◆ PROBLEM REQUIREMENTS: Once the line containing "#24=IFCINDEXEDPOLYGONALFACE((5,7,8,6));" has been written out, stop; until then, restate each line of the entries below word for word from the first.

◆ RECORDS FOR PROCESSING:

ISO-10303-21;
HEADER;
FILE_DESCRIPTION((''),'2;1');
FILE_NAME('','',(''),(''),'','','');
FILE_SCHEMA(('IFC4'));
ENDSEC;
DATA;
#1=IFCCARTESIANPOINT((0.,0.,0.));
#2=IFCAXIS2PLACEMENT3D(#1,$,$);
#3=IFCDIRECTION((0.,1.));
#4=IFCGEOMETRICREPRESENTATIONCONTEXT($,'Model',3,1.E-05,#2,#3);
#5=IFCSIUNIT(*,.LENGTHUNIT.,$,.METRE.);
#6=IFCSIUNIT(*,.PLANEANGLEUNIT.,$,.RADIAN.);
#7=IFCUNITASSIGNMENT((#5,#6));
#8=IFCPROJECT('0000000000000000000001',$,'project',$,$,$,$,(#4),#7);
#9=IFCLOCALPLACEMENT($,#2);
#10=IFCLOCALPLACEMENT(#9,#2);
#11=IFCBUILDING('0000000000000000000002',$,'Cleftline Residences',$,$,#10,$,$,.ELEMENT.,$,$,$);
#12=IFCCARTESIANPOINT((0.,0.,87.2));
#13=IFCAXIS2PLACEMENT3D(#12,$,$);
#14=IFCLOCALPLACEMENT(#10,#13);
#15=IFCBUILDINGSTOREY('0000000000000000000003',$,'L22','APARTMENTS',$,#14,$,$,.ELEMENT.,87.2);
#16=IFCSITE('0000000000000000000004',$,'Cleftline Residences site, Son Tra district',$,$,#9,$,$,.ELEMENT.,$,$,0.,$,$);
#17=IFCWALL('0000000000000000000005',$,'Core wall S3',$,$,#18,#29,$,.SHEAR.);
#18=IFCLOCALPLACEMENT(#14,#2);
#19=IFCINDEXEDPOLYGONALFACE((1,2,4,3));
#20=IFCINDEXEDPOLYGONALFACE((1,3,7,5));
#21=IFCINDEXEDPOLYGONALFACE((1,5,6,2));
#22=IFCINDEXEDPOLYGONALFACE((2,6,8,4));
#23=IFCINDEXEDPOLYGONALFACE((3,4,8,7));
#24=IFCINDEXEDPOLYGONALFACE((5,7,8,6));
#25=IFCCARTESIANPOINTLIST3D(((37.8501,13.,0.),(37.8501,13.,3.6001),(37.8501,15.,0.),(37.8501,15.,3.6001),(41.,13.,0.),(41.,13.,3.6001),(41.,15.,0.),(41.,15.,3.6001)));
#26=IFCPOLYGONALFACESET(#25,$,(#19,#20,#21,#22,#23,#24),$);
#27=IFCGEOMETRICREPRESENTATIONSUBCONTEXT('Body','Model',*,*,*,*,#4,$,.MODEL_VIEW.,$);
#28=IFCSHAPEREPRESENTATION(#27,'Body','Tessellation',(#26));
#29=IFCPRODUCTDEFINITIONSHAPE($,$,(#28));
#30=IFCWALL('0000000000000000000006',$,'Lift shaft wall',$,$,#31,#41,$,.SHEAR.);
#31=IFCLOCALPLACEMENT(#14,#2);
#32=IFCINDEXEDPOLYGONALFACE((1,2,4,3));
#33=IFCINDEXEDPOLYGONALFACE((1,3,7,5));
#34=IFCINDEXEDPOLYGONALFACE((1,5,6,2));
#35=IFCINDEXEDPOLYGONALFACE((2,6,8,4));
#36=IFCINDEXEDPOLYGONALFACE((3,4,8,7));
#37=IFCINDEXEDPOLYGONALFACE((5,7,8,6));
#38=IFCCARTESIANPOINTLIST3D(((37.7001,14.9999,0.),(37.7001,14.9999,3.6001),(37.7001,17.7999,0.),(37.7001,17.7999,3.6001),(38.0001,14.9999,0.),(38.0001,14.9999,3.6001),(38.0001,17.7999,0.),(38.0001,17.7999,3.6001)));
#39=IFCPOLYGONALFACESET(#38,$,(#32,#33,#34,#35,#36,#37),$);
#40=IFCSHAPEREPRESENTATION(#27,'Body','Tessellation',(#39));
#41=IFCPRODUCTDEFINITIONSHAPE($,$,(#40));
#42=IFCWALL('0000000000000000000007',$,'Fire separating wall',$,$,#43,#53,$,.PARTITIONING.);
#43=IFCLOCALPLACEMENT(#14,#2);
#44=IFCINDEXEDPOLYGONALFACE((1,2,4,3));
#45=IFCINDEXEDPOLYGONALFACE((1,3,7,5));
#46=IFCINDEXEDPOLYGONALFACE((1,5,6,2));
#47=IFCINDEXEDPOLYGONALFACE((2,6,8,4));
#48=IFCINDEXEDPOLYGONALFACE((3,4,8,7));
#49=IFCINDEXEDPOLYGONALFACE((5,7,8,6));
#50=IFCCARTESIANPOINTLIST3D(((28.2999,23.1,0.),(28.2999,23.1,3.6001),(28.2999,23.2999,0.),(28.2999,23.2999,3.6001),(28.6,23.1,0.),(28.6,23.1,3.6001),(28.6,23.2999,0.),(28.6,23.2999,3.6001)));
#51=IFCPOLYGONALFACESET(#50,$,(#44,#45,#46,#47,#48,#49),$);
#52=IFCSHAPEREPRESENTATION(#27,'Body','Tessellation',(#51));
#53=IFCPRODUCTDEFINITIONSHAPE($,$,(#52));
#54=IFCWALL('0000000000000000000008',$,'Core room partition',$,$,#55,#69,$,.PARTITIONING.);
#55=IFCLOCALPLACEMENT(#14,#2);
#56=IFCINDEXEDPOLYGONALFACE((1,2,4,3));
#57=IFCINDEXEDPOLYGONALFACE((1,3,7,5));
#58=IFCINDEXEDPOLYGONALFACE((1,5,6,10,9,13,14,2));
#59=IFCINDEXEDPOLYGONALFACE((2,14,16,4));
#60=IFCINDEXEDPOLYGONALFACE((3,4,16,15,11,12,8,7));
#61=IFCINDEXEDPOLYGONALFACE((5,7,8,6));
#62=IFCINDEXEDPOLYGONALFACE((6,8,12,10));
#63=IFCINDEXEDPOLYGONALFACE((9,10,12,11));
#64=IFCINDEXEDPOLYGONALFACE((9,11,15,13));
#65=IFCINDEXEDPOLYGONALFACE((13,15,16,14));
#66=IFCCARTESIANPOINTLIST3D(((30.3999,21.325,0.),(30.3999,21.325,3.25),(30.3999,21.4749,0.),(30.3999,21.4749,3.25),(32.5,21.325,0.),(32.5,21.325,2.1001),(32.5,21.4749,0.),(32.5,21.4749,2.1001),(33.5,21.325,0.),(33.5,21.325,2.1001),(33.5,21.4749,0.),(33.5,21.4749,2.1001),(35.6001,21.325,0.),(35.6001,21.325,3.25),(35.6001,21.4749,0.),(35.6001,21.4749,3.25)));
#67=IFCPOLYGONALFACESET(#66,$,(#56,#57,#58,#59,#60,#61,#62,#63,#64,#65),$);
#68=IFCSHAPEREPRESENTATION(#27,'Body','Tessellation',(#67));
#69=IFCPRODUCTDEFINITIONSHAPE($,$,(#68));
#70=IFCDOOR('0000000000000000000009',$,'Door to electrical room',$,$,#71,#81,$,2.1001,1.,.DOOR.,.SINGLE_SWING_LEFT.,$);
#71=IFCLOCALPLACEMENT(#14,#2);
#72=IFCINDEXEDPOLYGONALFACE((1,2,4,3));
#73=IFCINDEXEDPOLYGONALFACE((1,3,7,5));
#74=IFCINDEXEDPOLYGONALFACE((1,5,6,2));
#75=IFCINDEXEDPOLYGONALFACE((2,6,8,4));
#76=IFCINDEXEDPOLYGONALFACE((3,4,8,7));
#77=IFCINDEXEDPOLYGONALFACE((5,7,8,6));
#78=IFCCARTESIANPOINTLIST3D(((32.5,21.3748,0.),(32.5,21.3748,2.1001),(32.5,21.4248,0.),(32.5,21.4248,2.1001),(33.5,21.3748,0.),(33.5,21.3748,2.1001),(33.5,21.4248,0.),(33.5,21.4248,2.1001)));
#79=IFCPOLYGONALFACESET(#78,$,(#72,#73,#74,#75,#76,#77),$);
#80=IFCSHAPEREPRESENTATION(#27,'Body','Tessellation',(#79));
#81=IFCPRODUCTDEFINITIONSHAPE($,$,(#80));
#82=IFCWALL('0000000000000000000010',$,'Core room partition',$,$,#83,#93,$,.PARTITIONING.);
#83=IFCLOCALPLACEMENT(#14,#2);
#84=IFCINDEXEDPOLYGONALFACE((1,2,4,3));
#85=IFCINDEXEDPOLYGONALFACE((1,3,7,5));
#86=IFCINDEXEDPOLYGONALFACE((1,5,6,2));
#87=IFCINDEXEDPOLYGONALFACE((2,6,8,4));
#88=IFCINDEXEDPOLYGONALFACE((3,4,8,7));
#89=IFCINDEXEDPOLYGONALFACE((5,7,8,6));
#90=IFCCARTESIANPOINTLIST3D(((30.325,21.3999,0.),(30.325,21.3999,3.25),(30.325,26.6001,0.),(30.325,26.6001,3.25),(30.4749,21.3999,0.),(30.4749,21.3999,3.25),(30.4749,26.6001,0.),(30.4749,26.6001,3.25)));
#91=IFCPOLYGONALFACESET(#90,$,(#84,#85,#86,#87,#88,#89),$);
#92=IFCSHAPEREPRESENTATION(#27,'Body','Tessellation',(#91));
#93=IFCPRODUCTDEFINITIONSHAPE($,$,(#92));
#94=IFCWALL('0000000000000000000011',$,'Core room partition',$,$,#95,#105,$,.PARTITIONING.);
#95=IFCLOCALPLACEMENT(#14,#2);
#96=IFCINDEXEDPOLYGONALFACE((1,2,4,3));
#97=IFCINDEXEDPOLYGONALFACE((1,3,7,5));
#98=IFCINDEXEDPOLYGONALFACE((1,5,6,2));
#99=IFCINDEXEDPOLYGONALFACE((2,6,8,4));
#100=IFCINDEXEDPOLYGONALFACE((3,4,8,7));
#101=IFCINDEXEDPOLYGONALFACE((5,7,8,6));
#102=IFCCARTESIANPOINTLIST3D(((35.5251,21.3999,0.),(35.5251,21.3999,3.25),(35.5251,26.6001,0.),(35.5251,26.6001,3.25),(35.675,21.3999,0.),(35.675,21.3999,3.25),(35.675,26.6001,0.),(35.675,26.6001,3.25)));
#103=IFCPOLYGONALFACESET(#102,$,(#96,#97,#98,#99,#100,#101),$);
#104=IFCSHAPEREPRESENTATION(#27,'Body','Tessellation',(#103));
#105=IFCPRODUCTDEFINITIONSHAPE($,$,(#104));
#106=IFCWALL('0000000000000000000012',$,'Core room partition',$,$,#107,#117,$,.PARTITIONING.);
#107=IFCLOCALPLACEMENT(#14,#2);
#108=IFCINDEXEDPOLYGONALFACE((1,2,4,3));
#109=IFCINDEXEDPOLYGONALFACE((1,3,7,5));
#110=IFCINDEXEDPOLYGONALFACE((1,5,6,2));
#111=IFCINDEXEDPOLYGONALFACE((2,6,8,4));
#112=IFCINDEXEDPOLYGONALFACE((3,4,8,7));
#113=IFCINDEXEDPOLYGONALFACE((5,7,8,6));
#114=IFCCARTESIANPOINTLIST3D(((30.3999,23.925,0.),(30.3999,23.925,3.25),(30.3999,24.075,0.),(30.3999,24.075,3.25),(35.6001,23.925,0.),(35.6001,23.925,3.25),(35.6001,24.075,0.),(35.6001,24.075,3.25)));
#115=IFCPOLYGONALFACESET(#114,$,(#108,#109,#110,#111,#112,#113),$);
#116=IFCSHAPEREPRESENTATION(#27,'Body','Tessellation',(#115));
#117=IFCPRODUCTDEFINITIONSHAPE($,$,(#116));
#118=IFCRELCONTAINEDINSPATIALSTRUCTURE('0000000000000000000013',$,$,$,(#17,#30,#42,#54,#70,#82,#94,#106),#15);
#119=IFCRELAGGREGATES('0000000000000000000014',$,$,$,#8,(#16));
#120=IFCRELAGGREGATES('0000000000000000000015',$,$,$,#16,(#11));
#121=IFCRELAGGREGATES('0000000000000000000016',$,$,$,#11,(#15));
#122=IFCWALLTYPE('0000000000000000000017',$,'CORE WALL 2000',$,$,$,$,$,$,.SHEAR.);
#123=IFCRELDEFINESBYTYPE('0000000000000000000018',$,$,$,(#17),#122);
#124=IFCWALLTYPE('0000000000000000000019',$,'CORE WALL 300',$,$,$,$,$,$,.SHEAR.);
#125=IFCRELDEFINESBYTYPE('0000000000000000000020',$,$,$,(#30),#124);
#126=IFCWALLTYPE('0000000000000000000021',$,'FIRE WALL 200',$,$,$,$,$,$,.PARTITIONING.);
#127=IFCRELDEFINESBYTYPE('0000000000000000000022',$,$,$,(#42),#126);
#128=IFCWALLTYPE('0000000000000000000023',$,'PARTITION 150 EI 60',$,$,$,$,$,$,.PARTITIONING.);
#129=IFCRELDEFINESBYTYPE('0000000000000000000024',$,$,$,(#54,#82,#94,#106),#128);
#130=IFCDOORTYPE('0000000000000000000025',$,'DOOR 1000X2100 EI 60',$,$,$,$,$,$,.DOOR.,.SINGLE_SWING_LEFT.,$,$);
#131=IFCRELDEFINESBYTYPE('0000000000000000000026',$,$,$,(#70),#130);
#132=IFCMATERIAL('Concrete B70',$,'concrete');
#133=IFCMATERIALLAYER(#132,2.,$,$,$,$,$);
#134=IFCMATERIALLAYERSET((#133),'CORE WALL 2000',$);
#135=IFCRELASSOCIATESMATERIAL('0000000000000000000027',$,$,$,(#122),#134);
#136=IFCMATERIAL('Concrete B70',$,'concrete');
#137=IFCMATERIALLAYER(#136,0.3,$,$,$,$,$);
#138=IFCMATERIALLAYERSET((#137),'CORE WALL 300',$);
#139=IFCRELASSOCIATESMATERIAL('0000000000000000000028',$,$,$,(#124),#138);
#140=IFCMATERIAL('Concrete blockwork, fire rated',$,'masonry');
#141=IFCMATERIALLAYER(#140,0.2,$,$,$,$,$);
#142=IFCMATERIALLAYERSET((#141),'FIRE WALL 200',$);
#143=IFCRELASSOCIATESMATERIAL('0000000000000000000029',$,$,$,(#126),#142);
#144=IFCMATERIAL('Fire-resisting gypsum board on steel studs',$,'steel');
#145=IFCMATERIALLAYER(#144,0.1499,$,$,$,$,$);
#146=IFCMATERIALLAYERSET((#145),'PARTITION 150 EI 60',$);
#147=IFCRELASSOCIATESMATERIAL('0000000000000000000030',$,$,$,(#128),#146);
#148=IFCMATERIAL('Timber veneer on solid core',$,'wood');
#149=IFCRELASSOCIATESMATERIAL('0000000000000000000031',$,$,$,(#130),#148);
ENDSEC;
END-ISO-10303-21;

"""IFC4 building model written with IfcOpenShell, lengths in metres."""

from ifc_helpers import new_model, si_unit, direction, frame, frame_2d, origin, place, context, subcontext, project, spatial, rectangle, extrude, material, layer, layer_set, type_object, element, fill, save


model = new_model("IFC4")

# Units and contexts
model_context = context("Model", 3, precision=1e-05, world=origin(), true_north=direction((0.0, 1.0)))
body_context = subcontext(model_context, "Body", "Model", "MODEL_VIEW")
ifc_project = project(units=[si_unit("LENGTHUNIT", "METRE"), si_unit("PLANEANGLEUNIT", "RADIAN")], contexts=[model_context])

# Site, building, storey
site_placement = place(None, origin())
site = spatial("IfcSite", under=ifc_project, at=site_placement, Name="Cleftline Residences site, Son Tra district", CompositionType="ELEMENT", RefElevation=0.0)
building_placement = place(site_placement, origin())
building = spatial("IfcBuilding", under=site, at=building_placement, Name="Cleftline Residences", CompositionType="ELEMENT")
storey_placement = place(building_placement, frame((0.0, 0.0, 87.2)))
storey = spatial("IfcBuildingStorey", under=building, at=storey_placement, Name="L22", Description="APARTMENTS", CompositionType="ELEMENT", Elevation=87.2)

# Walls
ifc_material_1 = material(Name="Concrete B70", Category="concrete")
ifc_layer_1 = layer(ifc_material_1, 2.0)
ifc_layer_set_1 = layer_set([ifc_layer_1], Name="CORE WALL 2000")
wall_type_1 = type_object("IfcWallType", Name="CORE WALL 2000", PredefinedType="SHEAR", material=ifc_layer_set_1)
wall_1_placement = place(storey_placement, frame((37.8501, 14.0, 0.0), z_axis=(0.0, 0.0, 1.0), x_axis=(1.0, 0.0, 0.0)))
element("IfcWall", 1, at=wall_1_placement, inside=storey, type_object=wall_type_1, Name="Core wall S3", PredefinedType="SHEAR", context=body_context, shape_type="SweptSolid", body=[
    extrude(rectangle(XDim=3.1499, YDim=2.0, at=frame_2d((1.575, 0.0))), origin(), (0.0, 0.0, 1.0), 3.6001),
])
ifc_material_2 = material(Name="Concrete B70", Category="concrete")
ifc_layer_2 = layer(ifc_material_2, 0.3)
ifc_layer_set_2 = layer_set([ifc_layer_2], Name="CORE WALL 300")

◆ ANSWER FOR THIS EXERCISE:
ISO-10303-21;
HEADER;
FILE_DESCRIPTION((''),'2;1');
FILE_NAME('','',(''),(''),'','','');
FILE_SCHEMA(('IFC4'));
ENDSEC;
DATA;
#1=IFCCARTESIANPOINT((0.,0.,0.));
#2=IFCAXIS2PLACEMENT3D(#1,$,$);
#3=IFCDIRECTION((0.,1.));
#4=IFCGEOMETRICREPRESENTATIONCONTEXT($,'Model',3,1.E-05,#2,#3);
#5=IFCSIUNIT(*,.LENGTHUNIT.,$,.METRE.);
#6=IFCSIUNIT(*,.PLANEANGLEUNIT.,$,.RADIAN.);
#7=IFCUNITASSIGNMENT((#5,#6));
#8=IFCPROJECT('0000000000000000000001',$,'project',$,$,$,$,(#4),#7);
#9=IFCLOCALPLACEMENT($,#2);
#10=IFCLOCALPLACEMENT(#9,#2);
#11=IFCBUILDING('0000000000000000000002',$,'Cleftline Residences',$,$,#10,$,$,.ELEMENT.,$,$,$);
#12=IFCCARTESIANPOINT((0.,0.,87.2));
#13=IFCAXIS2PLACEMENT3D(#12,$,$);
#14=IFCLOCALPLACEMENT(#10,#13);
#15=IFCBUILDINGSTOREY('0000000000000000000003',$,'L22','APARTMENTS',$,#14,$,$,.ELEMENT.,87.2);
#16=IFCSITE('0000000000000000000004',$,'Cleftline Residences site, Son Tra district',$,$,#9,$,$,.ELEMENT.,$,$,0.,$,$);
#17=IFCWALL('0000000000000000000005',$,'Core wall S3',$,$,#18,#29,$,.SHEAR.);
#18=IFCLOCALPLACEMENT(#14,#2);
#19=IFCINDEXEDPOLYGONALFACE((1,2,4,3));
#20=IFCINDEXEDPOLYGONALFACE((1,3,7,5));
#21=IFCINDEXEDPOLYGONALFACE((1,5,6,2));
#22=IFCINDEXEDPOLYGONALFACE((2,6,8,4));
#23=IFCINDEXEDPOLYGONALFACE((3,4,8,7));
#24=IFCINDEXEDPOLYGONALFACE((5,7,8,6));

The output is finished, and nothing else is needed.